*What the task asks*: All lines in the material containing the word "Civic" need to be copied.

*** Begin section ***

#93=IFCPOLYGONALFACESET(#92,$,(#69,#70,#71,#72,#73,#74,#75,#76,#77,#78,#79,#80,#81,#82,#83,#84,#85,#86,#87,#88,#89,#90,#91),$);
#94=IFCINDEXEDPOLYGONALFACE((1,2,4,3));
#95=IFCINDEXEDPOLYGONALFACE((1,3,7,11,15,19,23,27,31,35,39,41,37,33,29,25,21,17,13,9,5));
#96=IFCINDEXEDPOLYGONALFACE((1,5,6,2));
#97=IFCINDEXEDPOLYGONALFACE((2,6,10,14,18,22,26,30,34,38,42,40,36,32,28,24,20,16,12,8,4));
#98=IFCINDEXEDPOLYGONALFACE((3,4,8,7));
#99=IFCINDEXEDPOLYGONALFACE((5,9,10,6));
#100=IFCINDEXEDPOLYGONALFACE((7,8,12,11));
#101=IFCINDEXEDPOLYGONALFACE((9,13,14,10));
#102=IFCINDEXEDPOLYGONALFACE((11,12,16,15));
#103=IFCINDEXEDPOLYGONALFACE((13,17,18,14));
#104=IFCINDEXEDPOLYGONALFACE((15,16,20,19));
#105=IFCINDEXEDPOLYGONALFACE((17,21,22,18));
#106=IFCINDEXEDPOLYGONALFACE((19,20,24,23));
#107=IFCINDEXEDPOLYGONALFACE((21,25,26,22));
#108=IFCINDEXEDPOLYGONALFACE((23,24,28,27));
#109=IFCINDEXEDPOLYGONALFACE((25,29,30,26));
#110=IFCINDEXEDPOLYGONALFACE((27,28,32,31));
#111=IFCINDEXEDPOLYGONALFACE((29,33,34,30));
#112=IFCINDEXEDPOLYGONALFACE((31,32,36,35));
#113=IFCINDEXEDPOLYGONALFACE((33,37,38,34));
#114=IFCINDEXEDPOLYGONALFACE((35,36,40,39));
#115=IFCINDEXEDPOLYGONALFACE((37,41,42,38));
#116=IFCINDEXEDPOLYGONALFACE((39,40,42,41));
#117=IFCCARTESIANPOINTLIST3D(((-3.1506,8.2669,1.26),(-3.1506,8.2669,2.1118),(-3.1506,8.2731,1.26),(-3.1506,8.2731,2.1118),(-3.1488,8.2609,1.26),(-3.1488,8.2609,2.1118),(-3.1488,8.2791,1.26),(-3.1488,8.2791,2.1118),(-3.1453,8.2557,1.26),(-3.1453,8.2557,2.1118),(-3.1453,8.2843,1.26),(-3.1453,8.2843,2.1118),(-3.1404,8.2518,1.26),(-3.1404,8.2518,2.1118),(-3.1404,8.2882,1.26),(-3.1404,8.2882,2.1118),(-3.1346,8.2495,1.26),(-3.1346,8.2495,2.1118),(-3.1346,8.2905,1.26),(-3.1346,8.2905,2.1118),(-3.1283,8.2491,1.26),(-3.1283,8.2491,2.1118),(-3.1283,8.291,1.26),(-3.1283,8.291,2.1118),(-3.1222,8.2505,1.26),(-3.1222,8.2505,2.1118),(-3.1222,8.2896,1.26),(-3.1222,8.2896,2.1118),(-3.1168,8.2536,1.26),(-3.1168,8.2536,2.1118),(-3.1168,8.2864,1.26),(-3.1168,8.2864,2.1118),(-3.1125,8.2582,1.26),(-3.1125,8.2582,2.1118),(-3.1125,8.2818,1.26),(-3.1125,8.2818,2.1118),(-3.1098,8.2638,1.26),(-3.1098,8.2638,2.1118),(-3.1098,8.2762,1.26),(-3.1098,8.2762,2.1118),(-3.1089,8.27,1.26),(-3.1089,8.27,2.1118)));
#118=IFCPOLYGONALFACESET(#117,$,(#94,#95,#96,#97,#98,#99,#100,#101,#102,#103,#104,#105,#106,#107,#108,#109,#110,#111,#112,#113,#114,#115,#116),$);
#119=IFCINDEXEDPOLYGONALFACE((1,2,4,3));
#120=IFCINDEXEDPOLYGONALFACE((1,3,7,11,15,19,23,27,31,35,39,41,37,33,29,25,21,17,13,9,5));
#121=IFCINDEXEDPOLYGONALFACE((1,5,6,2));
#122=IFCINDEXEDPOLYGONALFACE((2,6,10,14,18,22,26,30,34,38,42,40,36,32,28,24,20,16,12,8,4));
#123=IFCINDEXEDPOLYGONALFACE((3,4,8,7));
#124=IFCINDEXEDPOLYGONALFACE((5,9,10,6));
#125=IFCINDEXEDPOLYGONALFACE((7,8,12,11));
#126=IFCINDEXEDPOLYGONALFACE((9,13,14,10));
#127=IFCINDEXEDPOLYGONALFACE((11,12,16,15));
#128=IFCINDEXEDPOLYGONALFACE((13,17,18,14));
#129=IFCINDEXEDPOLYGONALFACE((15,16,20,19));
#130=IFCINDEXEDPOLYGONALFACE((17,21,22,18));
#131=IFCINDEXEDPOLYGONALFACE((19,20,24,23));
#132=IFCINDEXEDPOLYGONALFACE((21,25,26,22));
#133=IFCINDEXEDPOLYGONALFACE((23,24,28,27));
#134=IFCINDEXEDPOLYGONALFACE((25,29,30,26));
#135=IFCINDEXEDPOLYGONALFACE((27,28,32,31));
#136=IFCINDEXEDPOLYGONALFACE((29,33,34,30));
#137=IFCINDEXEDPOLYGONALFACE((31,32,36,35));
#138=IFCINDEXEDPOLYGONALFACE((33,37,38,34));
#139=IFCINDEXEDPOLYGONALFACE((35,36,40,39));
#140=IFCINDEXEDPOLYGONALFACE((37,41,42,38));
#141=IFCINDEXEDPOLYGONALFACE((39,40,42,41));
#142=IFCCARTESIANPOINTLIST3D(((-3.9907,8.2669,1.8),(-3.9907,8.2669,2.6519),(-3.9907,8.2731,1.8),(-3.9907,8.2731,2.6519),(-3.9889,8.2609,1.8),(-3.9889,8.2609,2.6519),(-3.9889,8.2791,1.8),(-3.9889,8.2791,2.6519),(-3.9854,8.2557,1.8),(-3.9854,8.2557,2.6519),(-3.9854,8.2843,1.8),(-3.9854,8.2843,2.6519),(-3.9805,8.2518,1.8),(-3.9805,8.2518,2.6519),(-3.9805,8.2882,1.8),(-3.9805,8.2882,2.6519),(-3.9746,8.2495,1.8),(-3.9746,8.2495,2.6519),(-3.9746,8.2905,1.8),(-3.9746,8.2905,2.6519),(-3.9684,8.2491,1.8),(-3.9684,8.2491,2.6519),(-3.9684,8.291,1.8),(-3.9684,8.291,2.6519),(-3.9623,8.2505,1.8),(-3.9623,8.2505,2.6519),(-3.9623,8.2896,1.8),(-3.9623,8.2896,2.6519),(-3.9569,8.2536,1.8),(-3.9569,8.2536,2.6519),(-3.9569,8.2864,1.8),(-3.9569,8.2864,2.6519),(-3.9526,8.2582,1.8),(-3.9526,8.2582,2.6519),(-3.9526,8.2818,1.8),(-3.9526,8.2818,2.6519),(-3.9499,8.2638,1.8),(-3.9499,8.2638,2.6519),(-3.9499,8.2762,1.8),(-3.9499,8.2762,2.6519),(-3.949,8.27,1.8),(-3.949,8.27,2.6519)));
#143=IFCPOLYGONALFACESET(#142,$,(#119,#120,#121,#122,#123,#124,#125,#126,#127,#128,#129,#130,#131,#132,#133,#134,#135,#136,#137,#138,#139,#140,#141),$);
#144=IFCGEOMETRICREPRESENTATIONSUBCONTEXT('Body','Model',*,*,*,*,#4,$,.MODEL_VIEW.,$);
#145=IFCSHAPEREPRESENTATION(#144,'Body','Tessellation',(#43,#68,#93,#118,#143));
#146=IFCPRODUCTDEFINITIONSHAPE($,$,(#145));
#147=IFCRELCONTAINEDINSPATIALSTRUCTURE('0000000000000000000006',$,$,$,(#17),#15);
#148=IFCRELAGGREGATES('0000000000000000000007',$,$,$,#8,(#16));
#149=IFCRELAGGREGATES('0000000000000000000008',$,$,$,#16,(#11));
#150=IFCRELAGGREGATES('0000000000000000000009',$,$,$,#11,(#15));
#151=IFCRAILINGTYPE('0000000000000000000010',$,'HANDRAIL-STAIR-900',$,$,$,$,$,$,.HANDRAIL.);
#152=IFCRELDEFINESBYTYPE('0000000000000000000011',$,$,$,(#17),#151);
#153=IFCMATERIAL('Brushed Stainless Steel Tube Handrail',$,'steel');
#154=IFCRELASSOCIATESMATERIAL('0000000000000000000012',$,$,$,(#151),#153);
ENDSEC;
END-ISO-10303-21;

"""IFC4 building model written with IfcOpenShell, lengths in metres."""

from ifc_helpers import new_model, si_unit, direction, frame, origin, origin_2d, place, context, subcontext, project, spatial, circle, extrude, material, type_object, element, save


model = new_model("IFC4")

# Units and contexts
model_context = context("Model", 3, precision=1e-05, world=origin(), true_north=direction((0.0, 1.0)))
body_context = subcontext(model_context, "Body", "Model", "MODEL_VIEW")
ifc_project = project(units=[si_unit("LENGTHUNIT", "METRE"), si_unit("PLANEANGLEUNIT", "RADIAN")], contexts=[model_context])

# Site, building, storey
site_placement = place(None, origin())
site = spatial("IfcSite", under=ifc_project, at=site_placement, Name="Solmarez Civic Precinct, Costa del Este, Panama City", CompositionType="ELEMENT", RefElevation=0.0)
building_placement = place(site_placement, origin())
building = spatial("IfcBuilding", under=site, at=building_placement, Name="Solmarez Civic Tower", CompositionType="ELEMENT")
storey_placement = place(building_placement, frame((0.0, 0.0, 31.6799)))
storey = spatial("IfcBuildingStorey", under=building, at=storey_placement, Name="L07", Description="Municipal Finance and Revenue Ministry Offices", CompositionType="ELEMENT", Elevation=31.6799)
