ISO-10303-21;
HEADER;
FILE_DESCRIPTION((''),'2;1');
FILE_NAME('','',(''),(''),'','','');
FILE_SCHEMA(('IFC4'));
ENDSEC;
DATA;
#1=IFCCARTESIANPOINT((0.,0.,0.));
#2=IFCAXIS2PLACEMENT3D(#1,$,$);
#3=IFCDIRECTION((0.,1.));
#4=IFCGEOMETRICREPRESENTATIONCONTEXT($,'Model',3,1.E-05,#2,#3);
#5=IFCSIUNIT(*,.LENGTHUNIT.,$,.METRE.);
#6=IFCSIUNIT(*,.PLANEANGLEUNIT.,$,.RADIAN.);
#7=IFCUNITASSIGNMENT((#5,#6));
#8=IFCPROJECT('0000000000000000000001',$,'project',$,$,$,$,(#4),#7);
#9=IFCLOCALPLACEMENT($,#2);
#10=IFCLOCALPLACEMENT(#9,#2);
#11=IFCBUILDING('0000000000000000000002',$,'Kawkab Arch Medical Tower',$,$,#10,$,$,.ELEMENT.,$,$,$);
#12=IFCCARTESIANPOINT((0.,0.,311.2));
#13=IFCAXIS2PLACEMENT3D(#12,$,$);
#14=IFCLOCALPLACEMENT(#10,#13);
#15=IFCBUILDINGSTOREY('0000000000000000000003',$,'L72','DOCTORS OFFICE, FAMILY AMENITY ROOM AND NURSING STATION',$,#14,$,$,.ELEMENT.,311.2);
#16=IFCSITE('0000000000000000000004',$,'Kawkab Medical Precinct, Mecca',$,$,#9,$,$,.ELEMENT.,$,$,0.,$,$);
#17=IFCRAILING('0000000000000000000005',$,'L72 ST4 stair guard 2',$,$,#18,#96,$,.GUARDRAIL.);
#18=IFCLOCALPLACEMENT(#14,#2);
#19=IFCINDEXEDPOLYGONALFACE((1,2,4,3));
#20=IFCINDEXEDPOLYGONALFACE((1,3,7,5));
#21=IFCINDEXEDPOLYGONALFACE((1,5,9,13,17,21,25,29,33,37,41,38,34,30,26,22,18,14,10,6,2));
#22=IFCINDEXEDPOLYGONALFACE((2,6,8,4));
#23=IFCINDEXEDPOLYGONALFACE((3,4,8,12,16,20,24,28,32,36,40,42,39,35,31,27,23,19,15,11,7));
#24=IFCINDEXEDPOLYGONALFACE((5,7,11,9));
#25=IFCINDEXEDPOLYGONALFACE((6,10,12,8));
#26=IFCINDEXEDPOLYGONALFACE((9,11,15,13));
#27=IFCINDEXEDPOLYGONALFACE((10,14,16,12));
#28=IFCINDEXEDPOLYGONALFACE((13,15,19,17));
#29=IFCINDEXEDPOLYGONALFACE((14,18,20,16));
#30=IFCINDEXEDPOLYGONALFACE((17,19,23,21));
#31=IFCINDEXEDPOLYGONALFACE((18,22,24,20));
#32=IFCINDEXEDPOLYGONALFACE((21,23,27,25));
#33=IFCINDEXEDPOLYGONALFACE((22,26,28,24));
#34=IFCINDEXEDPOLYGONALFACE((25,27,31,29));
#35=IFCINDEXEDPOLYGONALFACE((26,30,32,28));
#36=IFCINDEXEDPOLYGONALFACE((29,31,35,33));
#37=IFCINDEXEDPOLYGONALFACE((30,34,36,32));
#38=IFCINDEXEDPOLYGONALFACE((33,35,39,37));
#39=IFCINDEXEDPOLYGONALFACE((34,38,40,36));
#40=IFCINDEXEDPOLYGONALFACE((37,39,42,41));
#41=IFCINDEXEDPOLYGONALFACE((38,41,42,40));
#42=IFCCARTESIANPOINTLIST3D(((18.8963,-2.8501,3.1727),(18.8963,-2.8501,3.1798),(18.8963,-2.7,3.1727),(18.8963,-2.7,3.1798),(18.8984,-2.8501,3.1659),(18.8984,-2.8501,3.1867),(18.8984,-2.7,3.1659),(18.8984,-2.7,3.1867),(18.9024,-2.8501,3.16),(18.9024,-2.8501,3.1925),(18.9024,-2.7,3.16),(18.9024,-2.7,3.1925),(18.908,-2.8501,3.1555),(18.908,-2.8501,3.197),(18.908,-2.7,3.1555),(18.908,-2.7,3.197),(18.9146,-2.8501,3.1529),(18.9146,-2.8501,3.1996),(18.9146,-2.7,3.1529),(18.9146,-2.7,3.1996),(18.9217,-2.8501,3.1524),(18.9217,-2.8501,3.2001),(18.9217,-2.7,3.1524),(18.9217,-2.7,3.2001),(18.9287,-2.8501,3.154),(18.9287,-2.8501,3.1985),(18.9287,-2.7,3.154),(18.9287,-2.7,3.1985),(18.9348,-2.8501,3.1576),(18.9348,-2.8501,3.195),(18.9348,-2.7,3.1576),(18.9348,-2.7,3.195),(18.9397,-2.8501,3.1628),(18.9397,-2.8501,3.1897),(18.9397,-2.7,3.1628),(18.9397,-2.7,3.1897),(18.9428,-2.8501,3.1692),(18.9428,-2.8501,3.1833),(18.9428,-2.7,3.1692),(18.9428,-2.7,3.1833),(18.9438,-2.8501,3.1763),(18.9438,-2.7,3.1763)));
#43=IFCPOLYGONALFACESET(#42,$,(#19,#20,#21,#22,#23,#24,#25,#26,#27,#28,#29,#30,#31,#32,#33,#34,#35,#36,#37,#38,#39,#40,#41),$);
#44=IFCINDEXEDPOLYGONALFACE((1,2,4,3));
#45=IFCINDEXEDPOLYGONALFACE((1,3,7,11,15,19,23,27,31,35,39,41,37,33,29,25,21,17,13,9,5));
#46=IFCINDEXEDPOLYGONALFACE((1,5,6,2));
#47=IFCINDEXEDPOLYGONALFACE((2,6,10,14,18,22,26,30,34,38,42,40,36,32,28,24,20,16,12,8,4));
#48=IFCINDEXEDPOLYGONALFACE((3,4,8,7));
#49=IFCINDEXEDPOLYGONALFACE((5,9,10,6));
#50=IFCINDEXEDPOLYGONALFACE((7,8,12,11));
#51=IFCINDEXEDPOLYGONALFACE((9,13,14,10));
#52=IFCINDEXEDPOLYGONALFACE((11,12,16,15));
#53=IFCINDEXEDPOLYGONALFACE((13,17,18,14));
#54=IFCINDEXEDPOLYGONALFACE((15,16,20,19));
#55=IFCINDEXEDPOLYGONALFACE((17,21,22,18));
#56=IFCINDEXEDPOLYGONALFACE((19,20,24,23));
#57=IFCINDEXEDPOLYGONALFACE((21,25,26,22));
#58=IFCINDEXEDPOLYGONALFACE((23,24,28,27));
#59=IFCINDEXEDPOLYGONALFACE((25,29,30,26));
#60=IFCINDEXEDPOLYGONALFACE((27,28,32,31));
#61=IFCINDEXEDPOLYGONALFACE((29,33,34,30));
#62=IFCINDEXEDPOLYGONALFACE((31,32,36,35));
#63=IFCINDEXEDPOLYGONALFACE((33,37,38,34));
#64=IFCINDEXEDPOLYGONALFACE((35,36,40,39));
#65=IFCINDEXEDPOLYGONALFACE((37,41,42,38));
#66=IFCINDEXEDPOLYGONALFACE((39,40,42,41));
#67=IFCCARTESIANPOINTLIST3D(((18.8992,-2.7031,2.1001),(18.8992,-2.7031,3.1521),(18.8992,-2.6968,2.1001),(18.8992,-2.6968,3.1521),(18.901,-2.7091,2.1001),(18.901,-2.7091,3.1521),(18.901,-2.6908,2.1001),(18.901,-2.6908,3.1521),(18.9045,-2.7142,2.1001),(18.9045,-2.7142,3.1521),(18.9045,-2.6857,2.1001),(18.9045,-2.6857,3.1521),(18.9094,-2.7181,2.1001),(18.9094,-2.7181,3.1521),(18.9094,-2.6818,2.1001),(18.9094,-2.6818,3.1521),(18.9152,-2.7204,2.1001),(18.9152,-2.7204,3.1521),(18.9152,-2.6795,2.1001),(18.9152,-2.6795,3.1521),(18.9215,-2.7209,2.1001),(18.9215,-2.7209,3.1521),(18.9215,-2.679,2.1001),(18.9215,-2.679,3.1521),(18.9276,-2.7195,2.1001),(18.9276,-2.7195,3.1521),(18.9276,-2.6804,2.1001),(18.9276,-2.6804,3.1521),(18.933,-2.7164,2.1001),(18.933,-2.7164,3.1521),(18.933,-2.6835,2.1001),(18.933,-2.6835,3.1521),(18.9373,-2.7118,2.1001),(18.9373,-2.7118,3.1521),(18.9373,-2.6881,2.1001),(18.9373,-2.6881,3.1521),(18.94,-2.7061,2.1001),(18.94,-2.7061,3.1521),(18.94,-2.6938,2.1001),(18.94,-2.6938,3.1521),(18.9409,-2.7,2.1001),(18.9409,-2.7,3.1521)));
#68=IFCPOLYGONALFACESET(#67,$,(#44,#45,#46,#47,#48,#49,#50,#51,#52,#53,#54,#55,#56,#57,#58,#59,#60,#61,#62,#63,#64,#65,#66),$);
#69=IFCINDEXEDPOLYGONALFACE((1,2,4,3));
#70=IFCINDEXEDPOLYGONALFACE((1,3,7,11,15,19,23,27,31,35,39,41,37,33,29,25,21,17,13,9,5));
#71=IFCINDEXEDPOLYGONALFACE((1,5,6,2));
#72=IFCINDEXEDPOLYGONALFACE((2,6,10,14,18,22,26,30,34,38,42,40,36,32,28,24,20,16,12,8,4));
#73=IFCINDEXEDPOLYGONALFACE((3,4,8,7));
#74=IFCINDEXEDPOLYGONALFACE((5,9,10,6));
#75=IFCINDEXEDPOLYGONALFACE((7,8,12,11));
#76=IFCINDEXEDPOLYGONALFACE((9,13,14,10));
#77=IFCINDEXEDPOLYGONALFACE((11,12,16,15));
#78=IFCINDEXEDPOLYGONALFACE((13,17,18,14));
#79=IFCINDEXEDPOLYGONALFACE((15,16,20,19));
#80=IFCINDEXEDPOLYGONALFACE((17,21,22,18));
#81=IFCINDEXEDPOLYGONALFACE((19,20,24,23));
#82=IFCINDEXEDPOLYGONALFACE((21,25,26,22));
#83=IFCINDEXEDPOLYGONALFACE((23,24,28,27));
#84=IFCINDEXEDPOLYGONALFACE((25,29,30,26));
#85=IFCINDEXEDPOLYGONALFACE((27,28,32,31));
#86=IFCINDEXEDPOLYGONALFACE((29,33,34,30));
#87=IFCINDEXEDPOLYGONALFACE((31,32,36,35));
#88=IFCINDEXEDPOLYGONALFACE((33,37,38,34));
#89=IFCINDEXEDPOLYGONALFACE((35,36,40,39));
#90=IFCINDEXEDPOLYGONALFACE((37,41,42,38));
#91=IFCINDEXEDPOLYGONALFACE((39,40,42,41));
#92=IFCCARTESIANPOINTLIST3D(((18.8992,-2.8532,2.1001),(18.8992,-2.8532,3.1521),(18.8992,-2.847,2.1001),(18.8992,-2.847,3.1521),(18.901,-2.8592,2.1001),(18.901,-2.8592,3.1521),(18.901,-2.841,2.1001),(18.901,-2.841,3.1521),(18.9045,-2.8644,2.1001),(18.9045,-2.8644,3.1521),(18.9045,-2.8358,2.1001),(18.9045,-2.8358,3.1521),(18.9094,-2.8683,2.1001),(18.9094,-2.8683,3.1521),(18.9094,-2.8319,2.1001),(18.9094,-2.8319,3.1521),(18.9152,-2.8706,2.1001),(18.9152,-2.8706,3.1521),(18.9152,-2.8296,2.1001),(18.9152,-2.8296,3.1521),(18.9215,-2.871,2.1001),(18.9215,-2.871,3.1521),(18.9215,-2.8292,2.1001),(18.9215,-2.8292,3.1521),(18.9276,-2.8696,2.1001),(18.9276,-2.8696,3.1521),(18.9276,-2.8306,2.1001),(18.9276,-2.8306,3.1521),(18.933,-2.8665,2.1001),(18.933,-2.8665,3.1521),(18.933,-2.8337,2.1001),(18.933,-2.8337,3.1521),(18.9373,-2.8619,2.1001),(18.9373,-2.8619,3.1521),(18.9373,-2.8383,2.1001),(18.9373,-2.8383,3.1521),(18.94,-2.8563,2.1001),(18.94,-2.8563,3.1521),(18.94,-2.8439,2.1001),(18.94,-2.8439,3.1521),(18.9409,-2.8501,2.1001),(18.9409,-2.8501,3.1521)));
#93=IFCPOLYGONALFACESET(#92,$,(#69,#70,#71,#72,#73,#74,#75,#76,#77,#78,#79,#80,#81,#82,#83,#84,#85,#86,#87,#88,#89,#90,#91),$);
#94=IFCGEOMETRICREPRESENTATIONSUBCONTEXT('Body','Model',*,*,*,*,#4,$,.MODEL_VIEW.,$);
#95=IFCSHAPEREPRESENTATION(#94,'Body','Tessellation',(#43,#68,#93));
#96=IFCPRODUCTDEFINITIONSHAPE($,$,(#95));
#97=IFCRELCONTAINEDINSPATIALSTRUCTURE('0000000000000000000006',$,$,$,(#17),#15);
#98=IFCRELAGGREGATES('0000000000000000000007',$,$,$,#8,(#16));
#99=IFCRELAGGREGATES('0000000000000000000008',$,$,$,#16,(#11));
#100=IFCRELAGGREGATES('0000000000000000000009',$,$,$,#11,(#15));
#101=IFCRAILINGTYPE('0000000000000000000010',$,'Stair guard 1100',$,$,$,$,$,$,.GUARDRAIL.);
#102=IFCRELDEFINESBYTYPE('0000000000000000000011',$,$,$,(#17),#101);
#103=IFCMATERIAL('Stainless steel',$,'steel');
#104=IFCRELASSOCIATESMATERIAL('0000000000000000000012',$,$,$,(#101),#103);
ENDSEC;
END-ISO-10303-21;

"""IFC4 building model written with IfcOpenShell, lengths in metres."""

from ifc_helpers import new_model, si_unit, direction, frame, origin, origin_2d, place, context, subcontext, project, spatial, circle, extrude, material, type_object, element, save


model = new_model("IFC4")

# Units and contexts
model_context = context("Model", 3, precision=1e-05, world=origin(), true_north=direction((0.0, 1.0)))
body_context = subcontext(model_context, "Body", "Model", "MODEL_VIEW")
ifc_project = project(units=[si_unit("LENGTHUNIT", "METRE"), si_unit("PLANEANGLEUNIT", "RADIAN")], contexts=[model_context])

# Site, building, storey
site_placement = place(None, origin())
site = spatial("IfcSite", under=ifc_project, at=site_placement, Name="Kawkab Medical Precinct, Mecca", CompositionType="ELEMENT", RefElevation=0.0)
building_placement = place(site_placement, origin())
building = spatial("IfcBuilding", under=site, at=building_placement, Name="Kawkab Arch Medical Tower", CompositionType="ELEMENT")
storey_placement = place(building_placement, frame((0.0, 0.0, 311.2)))
storey = spatial("IfcBuildingStorey", under=building, at=storey_placement, Name="L72", Description="DOCTORS OFFICE, FAMILY AMENITY ROOM AND NURSING STATION", CompositionType="ELEMENT", Elevation=311.2)

# Railing
ifc_material_1 = material(Name="Stainless steel", Category="steel")
railing_type_1 = type_object("IfcRailingType", Name="Stair guard 1100", PredefinedType="GUARDRAIL", material=ifc_material_1)
railing_1_placement = place(storey_placement, frame((18.9199, -2.7, 2.1001)))
element("IfcRailing", 1, at=railing_1_placement, inside=storey, type_object=railing_type_1, Name="L72 ST4 stair guard 2", PredefinedType="GUARDRAIL", context=body_context, shape_type="SweptSolid", body=[
    extrude(circle(Radius=0.0239, at=origin_2d()), frame((0.0, 0.0, 1.0762), z_axis=(0.0, -1.0, 0.0), x_axis=(1.0, 0.0, 0.0)), (0.0, 0.0, 1.0), 0.1501),
    extrude(circle(Radius=0.021, at=origin_2d()), origin(), (0.0, 0.0, 1.0), 1.052),
    extrude(circle(Radius=0.021, at=origin_2d()), frame((0.0, -0.1501, 0.0)), (0.0, 0.0, 1.0), 1.052),
])

save(model, "model.ifc")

*** End section ***

*Your solution*:
site = spatial("IfcSite", under=ifc_project, at=site_placement, Name="Solmarez Civic Precinct, Costa del Este, Panama City", CompositionType="ELEMENT", RefElevation=0.0)
building = spatial("IfcBuilding", under=site, at=building_placement, Name="Solmarez Civic Tower", CompositionType="ELEMENT")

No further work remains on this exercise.